[Stored data entries]
-- Opening Marker --
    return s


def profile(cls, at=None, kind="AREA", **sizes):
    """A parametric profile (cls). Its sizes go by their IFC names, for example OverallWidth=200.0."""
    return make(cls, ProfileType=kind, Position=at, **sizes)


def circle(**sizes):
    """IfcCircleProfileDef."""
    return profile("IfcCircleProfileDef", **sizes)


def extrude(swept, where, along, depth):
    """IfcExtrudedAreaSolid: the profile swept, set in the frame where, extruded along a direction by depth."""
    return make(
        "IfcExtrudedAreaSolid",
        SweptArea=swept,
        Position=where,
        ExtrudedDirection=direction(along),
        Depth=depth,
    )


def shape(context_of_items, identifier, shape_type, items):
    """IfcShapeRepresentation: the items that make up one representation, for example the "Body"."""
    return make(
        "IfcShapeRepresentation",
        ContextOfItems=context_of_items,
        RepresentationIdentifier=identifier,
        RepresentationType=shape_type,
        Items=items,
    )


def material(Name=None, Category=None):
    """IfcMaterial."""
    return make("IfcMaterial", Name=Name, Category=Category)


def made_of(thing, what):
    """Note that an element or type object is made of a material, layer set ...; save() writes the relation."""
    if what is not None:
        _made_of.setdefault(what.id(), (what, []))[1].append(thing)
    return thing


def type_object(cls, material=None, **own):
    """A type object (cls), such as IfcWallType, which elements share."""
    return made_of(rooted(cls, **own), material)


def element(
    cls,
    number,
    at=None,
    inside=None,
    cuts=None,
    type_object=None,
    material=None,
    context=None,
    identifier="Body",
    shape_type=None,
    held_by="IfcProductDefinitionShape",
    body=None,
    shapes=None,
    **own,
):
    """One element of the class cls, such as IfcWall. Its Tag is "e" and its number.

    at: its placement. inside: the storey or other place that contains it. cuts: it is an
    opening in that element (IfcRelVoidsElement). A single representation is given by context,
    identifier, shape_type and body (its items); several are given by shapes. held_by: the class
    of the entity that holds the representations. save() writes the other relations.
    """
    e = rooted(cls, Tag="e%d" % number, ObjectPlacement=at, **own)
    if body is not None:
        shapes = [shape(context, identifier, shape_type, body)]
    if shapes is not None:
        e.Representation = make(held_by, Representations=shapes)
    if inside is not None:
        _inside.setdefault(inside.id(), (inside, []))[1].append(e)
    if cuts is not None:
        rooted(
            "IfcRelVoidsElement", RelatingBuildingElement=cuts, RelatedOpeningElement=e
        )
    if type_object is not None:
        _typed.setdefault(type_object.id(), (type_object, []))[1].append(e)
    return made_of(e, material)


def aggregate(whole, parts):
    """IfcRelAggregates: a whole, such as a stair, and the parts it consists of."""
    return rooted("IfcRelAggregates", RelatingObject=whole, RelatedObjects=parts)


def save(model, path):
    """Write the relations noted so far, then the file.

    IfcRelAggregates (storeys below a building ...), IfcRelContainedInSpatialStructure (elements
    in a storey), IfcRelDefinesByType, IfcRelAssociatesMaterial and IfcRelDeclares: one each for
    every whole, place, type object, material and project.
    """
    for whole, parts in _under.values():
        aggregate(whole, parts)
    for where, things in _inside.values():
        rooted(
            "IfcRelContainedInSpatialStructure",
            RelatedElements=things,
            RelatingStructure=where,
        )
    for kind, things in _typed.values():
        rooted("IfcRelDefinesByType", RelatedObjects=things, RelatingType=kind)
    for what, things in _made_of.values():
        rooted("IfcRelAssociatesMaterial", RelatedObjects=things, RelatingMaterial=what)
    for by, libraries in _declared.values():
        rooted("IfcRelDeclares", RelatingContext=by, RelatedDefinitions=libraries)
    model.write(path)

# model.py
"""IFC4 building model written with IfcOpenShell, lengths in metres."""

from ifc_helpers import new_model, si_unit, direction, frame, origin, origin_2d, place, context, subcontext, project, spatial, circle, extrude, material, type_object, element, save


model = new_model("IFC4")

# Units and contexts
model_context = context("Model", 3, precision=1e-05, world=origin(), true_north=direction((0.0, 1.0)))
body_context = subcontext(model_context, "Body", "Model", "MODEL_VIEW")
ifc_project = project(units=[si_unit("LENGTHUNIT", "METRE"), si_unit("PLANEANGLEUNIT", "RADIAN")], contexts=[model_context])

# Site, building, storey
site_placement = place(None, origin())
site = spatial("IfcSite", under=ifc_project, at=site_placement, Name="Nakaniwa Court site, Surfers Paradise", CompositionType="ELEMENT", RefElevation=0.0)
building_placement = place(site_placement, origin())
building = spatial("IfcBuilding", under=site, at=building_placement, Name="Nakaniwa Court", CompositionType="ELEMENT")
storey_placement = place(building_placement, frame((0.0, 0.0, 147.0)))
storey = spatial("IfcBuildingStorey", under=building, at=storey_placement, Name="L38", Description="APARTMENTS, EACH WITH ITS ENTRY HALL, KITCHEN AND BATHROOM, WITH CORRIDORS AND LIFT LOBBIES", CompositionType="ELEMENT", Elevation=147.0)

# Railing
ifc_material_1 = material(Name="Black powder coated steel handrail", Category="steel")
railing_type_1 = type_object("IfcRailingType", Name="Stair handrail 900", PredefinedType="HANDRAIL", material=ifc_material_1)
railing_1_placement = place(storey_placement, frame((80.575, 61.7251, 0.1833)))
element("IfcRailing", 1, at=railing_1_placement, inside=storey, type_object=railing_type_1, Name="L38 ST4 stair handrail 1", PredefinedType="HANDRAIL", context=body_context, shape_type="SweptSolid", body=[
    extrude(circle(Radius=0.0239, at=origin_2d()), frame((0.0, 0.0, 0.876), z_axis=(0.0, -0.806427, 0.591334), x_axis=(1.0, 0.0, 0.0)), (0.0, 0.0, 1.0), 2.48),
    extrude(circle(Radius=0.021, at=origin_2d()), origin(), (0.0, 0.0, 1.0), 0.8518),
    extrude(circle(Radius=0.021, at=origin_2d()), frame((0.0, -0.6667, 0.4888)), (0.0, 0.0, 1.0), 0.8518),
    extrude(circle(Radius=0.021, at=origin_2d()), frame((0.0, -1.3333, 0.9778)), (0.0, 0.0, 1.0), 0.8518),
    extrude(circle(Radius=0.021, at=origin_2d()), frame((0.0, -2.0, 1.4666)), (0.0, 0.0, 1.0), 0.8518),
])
-- Closing Marker --
- **Activity**
Every line above that carries the string "handrail" should be copied.

- **Worked solution**
ifc_material_1 = material(Name="Black powder coated steel handrail", Category="steel")
railing_type_1 = type_object("IfcRailingType", Name="Stair handrail 900", PredefinedType="HANDRAIL", material=ifc_material_1)
element("IfcRailing", 1, at=railing_1_placement, inside=storey, type_object=railing_type_1, Name="L38 ST4 stair handrail 1", PredefinedType="HANDRAIL", context=body_context, shape_type="SweptSolid", body=[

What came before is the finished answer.